DATA RECORDS -
☆ ☆ ☆ ☆ ☆ ☆ ☆

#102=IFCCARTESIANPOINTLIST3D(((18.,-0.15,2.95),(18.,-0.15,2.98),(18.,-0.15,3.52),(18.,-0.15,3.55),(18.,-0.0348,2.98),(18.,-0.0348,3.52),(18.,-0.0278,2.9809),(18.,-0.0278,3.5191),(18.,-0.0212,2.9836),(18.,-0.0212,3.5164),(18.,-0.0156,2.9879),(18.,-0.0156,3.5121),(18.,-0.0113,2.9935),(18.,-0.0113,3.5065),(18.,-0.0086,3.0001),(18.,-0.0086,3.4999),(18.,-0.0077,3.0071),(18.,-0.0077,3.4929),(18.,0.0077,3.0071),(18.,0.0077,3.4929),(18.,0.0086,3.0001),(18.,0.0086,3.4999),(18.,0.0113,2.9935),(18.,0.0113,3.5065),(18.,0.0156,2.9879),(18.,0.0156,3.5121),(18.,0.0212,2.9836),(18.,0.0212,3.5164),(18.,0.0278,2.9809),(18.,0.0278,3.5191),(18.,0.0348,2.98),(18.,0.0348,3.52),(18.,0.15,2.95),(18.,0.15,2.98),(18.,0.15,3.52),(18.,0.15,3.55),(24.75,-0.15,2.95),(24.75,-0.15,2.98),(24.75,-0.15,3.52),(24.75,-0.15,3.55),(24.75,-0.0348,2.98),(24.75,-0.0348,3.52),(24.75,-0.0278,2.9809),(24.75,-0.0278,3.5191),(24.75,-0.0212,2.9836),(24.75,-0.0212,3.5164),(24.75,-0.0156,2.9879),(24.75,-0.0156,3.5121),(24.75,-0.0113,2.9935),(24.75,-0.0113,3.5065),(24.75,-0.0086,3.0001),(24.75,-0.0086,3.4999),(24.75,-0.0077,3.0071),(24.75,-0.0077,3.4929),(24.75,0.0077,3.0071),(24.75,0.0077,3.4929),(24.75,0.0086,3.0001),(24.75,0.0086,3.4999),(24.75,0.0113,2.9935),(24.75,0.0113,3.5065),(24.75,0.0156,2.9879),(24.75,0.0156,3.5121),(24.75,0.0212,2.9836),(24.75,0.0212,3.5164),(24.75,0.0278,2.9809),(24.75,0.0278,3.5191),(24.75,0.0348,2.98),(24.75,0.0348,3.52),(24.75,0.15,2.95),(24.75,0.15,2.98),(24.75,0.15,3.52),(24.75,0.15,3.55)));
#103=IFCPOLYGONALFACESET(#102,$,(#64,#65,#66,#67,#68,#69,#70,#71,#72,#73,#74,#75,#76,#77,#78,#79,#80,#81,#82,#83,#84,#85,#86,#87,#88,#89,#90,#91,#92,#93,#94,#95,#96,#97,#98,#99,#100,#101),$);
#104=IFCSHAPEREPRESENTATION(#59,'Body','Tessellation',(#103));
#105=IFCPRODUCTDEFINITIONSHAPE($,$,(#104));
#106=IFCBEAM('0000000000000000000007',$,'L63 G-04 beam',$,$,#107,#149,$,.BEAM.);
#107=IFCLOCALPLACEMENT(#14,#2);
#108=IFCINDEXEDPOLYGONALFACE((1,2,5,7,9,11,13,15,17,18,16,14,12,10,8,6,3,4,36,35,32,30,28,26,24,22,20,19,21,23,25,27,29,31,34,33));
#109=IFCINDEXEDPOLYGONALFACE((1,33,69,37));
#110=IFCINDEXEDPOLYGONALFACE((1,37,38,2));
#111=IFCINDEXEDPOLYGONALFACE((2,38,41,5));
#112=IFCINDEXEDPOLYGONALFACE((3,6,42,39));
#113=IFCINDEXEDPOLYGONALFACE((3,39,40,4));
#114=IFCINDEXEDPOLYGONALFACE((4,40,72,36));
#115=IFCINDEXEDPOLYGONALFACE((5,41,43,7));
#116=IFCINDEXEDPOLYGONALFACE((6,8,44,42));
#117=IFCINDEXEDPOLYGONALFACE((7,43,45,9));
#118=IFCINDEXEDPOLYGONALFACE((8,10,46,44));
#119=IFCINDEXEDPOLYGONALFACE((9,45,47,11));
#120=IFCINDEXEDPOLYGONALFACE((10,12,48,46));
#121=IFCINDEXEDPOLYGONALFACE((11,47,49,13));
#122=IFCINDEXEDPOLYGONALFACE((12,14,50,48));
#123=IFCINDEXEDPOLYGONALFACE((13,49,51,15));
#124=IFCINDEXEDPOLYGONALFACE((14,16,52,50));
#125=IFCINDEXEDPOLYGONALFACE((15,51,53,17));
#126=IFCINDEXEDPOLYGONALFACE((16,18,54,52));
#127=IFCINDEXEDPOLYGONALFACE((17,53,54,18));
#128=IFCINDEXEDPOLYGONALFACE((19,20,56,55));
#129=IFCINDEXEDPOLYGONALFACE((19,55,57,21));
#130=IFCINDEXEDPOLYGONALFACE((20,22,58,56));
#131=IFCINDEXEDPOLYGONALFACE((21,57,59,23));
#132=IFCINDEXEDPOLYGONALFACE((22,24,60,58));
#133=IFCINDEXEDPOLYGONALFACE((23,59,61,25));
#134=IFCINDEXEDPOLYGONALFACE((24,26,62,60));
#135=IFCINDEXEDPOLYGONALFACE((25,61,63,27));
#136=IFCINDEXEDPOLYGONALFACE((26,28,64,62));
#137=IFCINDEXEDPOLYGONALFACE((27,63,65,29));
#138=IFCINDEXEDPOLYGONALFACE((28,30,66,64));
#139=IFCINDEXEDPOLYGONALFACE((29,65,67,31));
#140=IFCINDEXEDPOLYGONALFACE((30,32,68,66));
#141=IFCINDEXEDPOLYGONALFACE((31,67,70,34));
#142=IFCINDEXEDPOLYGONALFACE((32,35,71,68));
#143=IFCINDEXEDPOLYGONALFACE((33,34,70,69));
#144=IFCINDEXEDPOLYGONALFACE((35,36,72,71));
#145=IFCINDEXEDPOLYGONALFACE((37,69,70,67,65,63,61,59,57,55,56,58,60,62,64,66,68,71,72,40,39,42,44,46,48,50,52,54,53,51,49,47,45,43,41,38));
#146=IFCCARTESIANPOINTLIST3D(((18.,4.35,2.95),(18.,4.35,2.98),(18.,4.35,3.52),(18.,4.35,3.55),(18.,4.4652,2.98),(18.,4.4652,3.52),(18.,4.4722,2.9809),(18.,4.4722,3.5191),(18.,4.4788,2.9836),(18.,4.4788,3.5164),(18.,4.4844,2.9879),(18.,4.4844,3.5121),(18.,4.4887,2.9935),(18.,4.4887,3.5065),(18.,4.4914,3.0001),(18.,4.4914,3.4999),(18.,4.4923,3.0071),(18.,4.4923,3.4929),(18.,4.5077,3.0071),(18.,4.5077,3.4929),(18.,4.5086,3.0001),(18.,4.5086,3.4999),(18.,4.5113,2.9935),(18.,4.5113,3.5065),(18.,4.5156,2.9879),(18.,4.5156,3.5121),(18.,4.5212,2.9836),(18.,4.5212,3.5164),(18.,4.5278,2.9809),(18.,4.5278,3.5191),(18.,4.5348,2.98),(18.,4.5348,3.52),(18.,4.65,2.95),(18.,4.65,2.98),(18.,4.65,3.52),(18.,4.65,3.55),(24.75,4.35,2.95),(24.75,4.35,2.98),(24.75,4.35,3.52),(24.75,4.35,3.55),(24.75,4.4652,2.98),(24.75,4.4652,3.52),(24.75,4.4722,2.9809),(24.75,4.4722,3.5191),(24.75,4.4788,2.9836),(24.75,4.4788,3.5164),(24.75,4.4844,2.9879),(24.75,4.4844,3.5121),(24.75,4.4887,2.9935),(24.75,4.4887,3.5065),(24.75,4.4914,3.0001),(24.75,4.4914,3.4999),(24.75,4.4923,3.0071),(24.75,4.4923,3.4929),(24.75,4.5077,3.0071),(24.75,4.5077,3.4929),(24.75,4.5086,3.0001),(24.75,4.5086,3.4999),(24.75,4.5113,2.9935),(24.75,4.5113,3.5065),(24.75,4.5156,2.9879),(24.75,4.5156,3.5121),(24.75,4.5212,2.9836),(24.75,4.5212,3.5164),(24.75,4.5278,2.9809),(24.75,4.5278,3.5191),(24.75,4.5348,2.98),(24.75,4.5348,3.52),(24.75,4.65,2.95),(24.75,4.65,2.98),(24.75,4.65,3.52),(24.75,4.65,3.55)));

☆ ☆ ☆ ☆ ☆ ☆ ☆

WORK TO COMPLETE - Once you find the line with "#134=IFCINDEXEDPOLYGONALFACE((24,26,62,60));" in the entries above, output it and each line after it up to and including the line with "#140=IFCINDEXEDPOLYGONALFACE((30,32,68,66));", and nothing else.

TASK OUTPUT -
#134=IFCINDEXEDPOLYGONALFACE((24,26,62,60));
#135=IFCINDEXEDPOLYGONALFACE((25,61,63,27));
#136=IFCINDEXEDPOLYGONALFACE((26,28,64,62));
#137=IFCINDEXEDPOLYGONALFACE((27,63,65,29));
#138=IFCINDEXEDPOLYGONALFACE((28,30,66,64));
#139=IFCINDEXEDPOLYGONALFACE((29,65,67,31));
#140=IFCINDEXEDPOLYGONALFACE((30,32,68,66));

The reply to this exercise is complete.